## GOAL OF THE EXERCISE:
Will you quote precisely the lines that run from the top of the material below to the line containing "#88=IFCINDEXEDPOLYGONALFACE((33,37,38,34));", both ends included?

****************************************

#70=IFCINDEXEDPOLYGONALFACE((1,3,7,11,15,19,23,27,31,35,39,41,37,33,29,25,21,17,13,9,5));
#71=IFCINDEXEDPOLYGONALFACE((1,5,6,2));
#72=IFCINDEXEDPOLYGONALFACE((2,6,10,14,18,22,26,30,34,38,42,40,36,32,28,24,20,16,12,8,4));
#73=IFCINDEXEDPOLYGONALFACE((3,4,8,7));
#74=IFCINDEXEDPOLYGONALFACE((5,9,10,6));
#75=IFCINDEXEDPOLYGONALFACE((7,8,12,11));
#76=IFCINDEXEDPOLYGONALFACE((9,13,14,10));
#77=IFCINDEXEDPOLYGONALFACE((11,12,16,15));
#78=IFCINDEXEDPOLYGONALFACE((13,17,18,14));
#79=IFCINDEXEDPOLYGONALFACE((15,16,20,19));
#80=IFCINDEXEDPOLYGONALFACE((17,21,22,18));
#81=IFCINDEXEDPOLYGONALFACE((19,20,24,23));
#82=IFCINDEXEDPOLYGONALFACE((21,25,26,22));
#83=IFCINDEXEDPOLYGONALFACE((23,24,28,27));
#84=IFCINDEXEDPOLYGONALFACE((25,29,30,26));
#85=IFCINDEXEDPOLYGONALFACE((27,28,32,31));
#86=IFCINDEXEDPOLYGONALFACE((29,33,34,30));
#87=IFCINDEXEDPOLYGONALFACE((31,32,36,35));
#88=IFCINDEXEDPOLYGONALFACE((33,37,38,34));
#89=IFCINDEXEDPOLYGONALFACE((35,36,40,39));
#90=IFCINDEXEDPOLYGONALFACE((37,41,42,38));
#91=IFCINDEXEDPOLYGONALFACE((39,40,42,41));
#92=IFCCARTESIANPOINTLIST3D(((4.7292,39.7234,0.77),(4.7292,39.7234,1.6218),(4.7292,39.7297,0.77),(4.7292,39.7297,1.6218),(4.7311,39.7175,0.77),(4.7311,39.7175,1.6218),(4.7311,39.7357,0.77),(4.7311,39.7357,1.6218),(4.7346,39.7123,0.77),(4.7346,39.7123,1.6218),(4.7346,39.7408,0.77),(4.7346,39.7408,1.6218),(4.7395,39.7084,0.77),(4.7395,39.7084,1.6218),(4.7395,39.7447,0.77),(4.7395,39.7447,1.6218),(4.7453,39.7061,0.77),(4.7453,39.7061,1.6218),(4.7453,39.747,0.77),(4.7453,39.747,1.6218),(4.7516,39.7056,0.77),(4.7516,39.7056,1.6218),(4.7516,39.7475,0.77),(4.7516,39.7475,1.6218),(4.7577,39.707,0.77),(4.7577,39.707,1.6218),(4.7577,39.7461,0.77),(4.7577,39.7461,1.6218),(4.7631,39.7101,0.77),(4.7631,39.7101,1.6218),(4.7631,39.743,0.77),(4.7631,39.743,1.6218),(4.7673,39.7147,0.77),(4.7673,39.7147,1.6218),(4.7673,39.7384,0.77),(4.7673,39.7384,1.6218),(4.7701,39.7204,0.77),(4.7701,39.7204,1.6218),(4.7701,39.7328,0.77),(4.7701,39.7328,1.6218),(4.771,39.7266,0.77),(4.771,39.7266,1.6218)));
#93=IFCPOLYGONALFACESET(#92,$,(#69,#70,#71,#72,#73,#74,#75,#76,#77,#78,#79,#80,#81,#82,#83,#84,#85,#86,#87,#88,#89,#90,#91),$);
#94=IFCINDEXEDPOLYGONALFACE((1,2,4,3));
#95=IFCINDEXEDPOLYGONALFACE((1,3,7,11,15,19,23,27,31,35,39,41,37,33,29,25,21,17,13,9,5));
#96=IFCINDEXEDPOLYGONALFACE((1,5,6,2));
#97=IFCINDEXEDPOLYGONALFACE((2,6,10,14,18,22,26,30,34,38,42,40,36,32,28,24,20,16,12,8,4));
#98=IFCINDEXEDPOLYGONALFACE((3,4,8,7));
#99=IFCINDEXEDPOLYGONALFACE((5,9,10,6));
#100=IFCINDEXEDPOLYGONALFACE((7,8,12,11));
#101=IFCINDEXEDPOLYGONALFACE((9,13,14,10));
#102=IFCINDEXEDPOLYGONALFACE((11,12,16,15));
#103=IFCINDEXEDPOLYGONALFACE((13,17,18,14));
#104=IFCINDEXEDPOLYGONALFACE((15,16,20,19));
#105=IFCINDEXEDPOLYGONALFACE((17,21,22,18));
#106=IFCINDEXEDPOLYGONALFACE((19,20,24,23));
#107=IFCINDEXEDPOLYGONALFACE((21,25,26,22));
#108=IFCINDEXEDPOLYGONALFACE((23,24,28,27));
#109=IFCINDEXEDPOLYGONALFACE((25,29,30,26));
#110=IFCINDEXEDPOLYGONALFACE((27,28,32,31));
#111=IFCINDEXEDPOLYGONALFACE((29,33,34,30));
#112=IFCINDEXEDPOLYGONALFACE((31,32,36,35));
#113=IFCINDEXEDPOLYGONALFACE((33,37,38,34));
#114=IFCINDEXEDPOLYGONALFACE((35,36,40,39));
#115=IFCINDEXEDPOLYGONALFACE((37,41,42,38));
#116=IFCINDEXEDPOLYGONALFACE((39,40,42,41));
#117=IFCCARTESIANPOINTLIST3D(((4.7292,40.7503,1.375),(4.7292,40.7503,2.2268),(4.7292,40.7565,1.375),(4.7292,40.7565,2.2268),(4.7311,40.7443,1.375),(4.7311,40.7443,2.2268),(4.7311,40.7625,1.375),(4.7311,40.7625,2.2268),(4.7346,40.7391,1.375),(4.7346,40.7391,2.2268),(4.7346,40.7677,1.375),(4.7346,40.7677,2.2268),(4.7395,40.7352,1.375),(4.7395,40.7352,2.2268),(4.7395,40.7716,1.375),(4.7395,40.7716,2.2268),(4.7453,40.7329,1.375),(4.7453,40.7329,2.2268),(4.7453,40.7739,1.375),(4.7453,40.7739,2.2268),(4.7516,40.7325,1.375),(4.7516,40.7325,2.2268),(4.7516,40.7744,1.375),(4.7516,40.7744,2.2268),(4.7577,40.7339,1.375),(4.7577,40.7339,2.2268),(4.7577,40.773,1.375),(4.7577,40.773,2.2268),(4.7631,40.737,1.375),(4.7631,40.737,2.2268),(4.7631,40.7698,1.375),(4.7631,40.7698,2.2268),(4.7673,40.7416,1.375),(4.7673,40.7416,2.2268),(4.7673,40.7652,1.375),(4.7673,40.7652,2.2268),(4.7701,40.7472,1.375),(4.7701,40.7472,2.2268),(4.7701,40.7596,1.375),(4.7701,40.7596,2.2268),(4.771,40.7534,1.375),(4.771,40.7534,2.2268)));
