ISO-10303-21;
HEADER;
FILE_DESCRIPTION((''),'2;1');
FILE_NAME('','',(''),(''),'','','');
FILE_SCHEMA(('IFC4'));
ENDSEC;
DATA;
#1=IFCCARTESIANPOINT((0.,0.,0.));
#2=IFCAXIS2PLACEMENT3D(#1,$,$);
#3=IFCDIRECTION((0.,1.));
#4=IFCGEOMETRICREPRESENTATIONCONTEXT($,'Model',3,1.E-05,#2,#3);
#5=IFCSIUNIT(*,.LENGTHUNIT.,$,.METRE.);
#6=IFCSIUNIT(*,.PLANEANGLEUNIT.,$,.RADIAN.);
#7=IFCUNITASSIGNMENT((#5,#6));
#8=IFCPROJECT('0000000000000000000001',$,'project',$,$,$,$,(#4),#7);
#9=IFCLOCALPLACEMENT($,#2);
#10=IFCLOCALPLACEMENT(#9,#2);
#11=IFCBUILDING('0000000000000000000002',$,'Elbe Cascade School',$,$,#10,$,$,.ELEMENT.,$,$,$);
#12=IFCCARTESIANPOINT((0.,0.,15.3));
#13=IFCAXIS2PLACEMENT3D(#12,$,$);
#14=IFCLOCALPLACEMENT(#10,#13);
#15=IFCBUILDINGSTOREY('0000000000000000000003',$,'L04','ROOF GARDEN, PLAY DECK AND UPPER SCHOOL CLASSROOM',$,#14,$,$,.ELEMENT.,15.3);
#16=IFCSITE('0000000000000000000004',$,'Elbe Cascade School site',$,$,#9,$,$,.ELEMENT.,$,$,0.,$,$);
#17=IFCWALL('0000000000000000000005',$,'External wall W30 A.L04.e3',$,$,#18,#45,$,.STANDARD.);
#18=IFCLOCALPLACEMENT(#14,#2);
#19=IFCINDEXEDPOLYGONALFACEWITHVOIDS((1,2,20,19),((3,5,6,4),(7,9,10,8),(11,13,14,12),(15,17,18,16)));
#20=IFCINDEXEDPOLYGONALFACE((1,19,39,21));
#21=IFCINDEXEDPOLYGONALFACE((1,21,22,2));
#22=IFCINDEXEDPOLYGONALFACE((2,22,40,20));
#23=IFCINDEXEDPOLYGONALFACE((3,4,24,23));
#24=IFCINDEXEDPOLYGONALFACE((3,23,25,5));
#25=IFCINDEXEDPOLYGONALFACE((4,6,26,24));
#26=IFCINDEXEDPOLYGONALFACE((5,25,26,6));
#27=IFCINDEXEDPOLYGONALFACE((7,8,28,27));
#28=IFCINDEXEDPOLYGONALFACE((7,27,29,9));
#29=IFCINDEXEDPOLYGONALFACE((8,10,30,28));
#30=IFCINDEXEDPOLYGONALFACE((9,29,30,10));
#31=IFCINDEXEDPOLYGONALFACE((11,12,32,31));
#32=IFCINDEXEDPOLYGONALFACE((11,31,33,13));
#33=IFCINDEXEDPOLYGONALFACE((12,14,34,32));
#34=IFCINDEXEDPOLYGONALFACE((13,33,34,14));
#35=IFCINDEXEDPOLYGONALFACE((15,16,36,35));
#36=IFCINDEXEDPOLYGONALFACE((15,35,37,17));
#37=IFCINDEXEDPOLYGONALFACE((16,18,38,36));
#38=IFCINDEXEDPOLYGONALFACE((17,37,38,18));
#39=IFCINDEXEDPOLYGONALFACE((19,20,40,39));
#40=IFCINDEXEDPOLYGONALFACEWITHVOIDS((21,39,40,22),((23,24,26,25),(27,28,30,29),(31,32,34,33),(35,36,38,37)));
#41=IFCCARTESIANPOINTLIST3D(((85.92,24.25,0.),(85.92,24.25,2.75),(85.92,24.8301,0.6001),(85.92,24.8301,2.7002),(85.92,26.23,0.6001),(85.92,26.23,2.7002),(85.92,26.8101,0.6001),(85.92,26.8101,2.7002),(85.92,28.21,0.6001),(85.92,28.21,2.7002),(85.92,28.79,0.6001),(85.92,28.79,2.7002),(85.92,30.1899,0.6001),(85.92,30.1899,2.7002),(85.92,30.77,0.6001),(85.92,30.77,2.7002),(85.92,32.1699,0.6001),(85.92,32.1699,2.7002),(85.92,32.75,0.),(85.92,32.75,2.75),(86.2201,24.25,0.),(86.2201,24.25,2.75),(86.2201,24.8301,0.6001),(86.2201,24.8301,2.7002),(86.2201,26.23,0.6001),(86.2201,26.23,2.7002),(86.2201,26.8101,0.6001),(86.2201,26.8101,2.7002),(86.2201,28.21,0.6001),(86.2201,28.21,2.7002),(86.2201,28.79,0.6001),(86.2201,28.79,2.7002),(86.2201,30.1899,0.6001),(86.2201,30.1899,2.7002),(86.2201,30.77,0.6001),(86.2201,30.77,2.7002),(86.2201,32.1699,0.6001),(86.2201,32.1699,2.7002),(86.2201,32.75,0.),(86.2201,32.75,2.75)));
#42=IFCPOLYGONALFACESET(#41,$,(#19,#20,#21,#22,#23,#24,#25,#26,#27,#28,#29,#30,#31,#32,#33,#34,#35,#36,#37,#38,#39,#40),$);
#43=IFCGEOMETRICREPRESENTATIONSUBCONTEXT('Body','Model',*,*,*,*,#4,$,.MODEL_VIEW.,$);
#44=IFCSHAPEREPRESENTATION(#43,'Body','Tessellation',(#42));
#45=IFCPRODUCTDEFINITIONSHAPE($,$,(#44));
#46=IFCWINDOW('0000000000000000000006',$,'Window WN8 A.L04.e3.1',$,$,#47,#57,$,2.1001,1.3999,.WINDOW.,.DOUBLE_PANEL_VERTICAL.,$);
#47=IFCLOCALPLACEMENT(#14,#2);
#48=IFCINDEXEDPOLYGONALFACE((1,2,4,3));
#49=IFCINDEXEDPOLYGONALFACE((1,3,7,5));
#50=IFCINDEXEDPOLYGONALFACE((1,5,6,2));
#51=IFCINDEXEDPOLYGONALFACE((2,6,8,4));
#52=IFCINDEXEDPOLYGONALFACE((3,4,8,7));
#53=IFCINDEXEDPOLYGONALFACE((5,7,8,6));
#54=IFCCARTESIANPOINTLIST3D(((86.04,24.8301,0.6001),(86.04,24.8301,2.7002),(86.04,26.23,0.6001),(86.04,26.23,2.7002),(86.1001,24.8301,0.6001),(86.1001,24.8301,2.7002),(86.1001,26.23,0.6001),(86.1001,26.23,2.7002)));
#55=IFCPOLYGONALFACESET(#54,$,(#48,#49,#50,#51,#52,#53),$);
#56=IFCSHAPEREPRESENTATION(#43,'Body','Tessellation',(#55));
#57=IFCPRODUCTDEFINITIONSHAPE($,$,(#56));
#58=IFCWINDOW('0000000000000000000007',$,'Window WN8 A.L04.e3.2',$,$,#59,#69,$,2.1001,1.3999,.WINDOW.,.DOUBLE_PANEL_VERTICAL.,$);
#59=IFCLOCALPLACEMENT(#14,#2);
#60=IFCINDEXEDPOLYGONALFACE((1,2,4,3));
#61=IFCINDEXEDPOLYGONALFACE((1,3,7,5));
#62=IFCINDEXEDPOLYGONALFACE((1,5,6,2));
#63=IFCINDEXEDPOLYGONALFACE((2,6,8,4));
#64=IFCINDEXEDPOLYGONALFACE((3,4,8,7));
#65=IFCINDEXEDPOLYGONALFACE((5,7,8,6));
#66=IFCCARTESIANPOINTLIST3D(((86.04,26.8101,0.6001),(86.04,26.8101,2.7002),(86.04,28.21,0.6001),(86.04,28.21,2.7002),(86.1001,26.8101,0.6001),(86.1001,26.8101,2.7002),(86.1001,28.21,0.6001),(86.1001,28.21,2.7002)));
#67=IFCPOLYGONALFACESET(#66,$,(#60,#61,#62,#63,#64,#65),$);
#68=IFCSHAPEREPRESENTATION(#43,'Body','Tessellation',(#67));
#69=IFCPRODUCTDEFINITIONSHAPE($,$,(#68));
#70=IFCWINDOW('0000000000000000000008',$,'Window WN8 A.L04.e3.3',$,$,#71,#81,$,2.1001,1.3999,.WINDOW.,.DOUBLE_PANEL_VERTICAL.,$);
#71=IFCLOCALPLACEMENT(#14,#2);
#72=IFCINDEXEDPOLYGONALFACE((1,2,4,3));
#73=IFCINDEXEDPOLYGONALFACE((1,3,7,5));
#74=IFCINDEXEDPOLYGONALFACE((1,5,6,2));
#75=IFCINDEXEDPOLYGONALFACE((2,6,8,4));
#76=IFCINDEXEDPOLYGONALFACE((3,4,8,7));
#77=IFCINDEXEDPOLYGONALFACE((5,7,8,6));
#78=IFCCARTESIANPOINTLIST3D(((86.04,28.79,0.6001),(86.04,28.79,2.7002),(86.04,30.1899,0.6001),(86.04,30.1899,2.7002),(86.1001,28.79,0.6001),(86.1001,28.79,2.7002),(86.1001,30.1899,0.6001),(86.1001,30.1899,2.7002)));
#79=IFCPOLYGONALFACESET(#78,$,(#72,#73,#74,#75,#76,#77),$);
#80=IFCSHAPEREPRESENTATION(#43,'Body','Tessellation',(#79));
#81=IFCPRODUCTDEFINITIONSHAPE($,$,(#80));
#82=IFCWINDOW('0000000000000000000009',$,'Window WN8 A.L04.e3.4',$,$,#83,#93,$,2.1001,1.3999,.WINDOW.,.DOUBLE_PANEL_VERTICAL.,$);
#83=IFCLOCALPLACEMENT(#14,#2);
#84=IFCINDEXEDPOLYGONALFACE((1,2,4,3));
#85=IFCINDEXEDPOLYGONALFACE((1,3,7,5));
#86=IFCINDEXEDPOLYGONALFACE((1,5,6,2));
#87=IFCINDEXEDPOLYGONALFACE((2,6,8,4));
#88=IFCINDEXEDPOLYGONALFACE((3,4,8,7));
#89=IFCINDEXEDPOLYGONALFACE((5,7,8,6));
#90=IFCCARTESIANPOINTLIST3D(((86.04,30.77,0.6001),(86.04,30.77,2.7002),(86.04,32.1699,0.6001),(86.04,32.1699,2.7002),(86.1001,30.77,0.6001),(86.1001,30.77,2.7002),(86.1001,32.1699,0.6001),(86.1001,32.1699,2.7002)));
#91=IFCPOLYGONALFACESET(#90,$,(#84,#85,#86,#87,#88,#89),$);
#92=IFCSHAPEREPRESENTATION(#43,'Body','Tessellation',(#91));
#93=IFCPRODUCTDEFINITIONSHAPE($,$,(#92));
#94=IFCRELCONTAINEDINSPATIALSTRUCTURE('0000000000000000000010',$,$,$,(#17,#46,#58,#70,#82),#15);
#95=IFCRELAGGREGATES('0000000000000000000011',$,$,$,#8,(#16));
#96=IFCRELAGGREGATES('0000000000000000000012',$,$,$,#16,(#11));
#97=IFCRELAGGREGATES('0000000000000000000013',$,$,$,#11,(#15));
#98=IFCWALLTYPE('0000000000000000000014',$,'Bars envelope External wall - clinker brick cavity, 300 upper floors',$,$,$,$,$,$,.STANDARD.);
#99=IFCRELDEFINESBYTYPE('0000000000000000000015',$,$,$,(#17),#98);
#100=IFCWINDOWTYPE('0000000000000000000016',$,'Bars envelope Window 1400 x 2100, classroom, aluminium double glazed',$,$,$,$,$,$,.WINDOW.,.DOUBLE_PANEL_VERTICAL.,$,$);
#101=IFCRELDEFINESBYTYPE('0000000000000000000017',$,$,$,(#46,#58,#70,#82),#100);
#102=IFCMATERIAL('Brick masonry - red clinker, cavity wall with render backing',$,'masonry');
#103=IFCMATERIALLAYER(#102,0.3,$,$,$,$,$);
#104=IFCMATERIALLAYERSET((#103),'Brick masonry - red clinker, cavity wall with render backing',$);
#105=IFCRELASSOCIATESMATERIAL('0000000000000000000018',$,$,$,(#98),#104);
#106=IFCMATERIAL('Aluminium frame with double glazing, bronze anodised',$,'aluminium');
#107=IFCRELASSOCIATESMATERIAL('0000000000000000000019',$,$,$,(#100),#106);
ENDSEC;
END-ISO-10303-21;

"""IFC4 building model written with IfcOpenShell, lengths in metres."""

from ifc_helpers import new_model, si_unit, direction, frame, frame_2d, origin, place, context, subcontext, project, spatial, rectangle, extrude, material, layer, layer_set, type_object, element, fill, save


model = new_model("IFC4")

# Units and contexts
model_context = context("Model", 3, precision=1e-05, world=origin(), true_north=direction((0.0, 1.0)))
body_context = subcontext(model_context, "Body", "Model", "MODEL_VIEW")
ifc_project = project(units=[si_unit("LENGTHUNIT", "METRE"), si_unit("PLANEANGLEUNIT", "RADIAN")], contexts=[model_context])

# Site, building, storey
site_placement = place(None, origin())
site = spatial("IfcSite", under=ifc_project, at=site_placement, Name="Elbe Cascade School site", CompositionType="ELEMENT", RefElevation=0.0)
building_placement = place(site_placement, origin())
building = spatial("IfcBuilding", under=site, at=building_placement, Name="Elbe Cascade School", CompositionType="ELEMENT")
storey_placement = place(building_placement, frame((0.0, 0.0, 15.3)))
storey = spatial("IfcBuildingStorey", under=building, at=storey_placement, Name="L04", Description="ROOF GARDEN, PLAY DECK AND UPPER SCHOOL CLASSROOM", CompositionType="ELEMENT", Elevation=15.3)

# Wall, openings, windows
ifc_material_1 = material(Name="Brick masonry - red clinker, cavity wall with render backing", Category="masonry")
ifc_layer_1 = layer(ifc_material_1, 0.3)
ifc_layer_set_1 = layer_set([ifc_layer_1], Name="Brick masonry - red clinker, cavity wall with render backing")
wall_type_1 = type_object("IfcWallType", Name="Bars envelope External wall - clinker brick cavity, 300 upper floors", PredefinedType="STANDARD", material=ifc_layer_set_1)
ifc_material_2 = material(Name="Aluminium frame with double glazing, bronze anodised", Category="aluminium")
window_type = type_object("IfcWindowType", Name="Bars envelope Window 1400 x 2100, classroom, aluminium double glazed", PartitioningType="DOUBLE_PANEL_VERTICAL", PredefinedType="WINDOW", material=ifc_material_2)
wall_1_placement = place(storey_placement, frame((86.0701, 32.75, 0.0), z_axis=(0.0, 0.0, 1.0), x_axis=(0.0, -1.0, 0.0)))
wall_1 = element("IfcWall", 1, at=wall_1_placement, inside=storey, type_object=wall_type_1, Name="External wall W30 A.L04.e3", PredefinedType="STANDARD", context=body_context, shape_type="SweptSolid", body=[
    extrude(rectangle(XDim=8.5, YDim=0.3, at=frame_2d((4.25, 0.0))), origin(), (0.0, 0.0, 1.0), 2.75),
])
opening_1_placement = place(wall_1_placement, frame((6.52, 0.0, 0.6001)))
opening_1 = element("IfcOpeningElement", 2, at=opening_1_placement, cuts=wall_1, PredefinedType="OPENING", context=body_context, shape_type="SweptSolid", body=[
    extrude(rectangle(XDim=1.3999, YDim=2.1001, at=frame_2d((0.7, 1.05))), frame((0.0, 0.1599, 0.0), z_axis=(0.0, -1.0, 0.0), x_axis=(1.0, 0.0, 0.0)), (0.0, 0.0, 1.0), 0.3201),
])
opening_2_placement = place(wall_1_placement, frame((4.54, 0.0, 0.6001)))
opening_2 = element("IfcOpeningElement", 3, at=opening_2_placement, cuts=wall_1, PredefinedType="OPENING", context=body_context, shape_type="SweptSolid", body=[
    extrude(rectangle(XDim=1.3999, YDim=2.1001, at=frame_2d((0.7, 1.05))), frame((0.0, 0.1599, 0.0), z_axis=(0.0, -1.0, 0.0), x_axis=(1.0, 0.0, 0.0)), (0.0, 0.0, 1.0), 0.3201),
])
opening_3_placement = place(wall_1_placement, frame((2.5601, 0.0, 0.6001)))
opening_3 = element("IfcOpeningElement", 4, at=opening_3_placement, cuts=wall_1, PredefinedType="OPENING", context=body_context, shape_type="SweptSolid", body=[
    extrude(rectangle(XDim=1.3999, YDim=2.1001, at=frame_2d((0.7, 1.05))), frame((0.0, 0.1599, 0.0), z_axis=(0.0, -1.0, 0.0), x_axis=(1.0, 0.0, 0.0)), (0.0, 0.0, 1.0), 0.3201),
])
opening_4_placement = place(wall_1_placement, frame((0.5801, 0.0, 0.6001)))
opening_4 = element("IfcOpeningElement", 5, at=opening_4_placement, cuts=wall_1, PredefinedType="OPENING", context=body_context, shape_type="SweptSolid", body=[
    extrude(rectangle(XDim=1.3999, YDim=2.1001, at=frame_2d((0.7, 1.05))), frame((0.0, 0.1599, 0.0), z_axis=(0.0, -1.0, 0.0), x_axis=(1.0, 0.0, 0.0)), (0.0, 0.0, 1.0), 0.3201),
])
window_1_placement = place(opening_1_placement, origin())
window_1 = element("IfcWindow", 6, at=window_1_placement, inside=storey, type_object=window_type, Name="Window WN8 A.L04.e3.1", OverallHeight=2.1001, OverallWidth=1.3999, PartitioningType="DOUBLE_PANEL_VERTICAL", PredefinedType="WINDOW", context=body_context, shape_type="SweptSolid", body=[
    extrude(rectangle(XDim=1.3999, YDim=2.1001, at=frame_2d((0.7, 1.05))), frame((0.0, 0.03, 0.0), z_axis=(0.0, -1.0, 0.0), x_axis=(1.0, 0.0, 0.0)), (0.0, 0.0, 1.0), 0.0601),
])
fill(opening_1, window_1)
window_2_placement = place(opening_2_placement, origin())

****************************************

## OUTPUT FOR THIS TASK:
#70=IFCINDEXEDPOLYGONALFACE((1,3,7,11,15,19,23,27,31,35,39,41,37,33,29,25,21,17,13,9,5));
#71=IFCINDEXEDPOLYGONALFACE((1,5,6,2));
#72=IFCINDEXEDPOLYGONALFACE((2,6,10,14,18,22,26,30,34,38,42,40,36,32,28,24,20,16,12,8,4));
#73=IFCINDEXEDPOLYGONALFACE((3,4,8,7));
#74=IFCINDEXEDPOLYGONALFACE((5,9,10,6));
#75=IFCINDEXEDPOLYGONALFACE((7,8,12,11));
#76=IFCINDEXEDPOLYGONALFACE((9,13,14,10));
#77=IFCINDEXEDPOLYGONALFACE((11,12,16,15));
#78=IFCINDEXEDPOLYGONALFACE((13,17,18,14));
#79=IFCINDEXEDPOLYGONALFACE((15,16,20,19));
#80=IFCINDEXEDPOLYGONALFACE((17,21,22,18));
#81=IFCINDEXEDPOLYGONALFACE((19,20,24,23));
#82=IFCINDEXEDPOLYGONALFACE((21,25,26,22));
#83=IFCINDEXEDPOLYGONALFACE((23,24,28,27));
#84=IFCINDEXEDPOLYGONALFACE((25,29,30,26));
#85=IFCINDEXEDPOLYGONALFACE((27,28,32,31));
#86=IFCINDEXEDPOLYGONALFACE((29,33,34,30));
#87=IFCINDEXEDPOLYGONALFACE((31,32,36,35));
#88=IFCINDEXEDPOLYGONALFACE((33,37,38,34));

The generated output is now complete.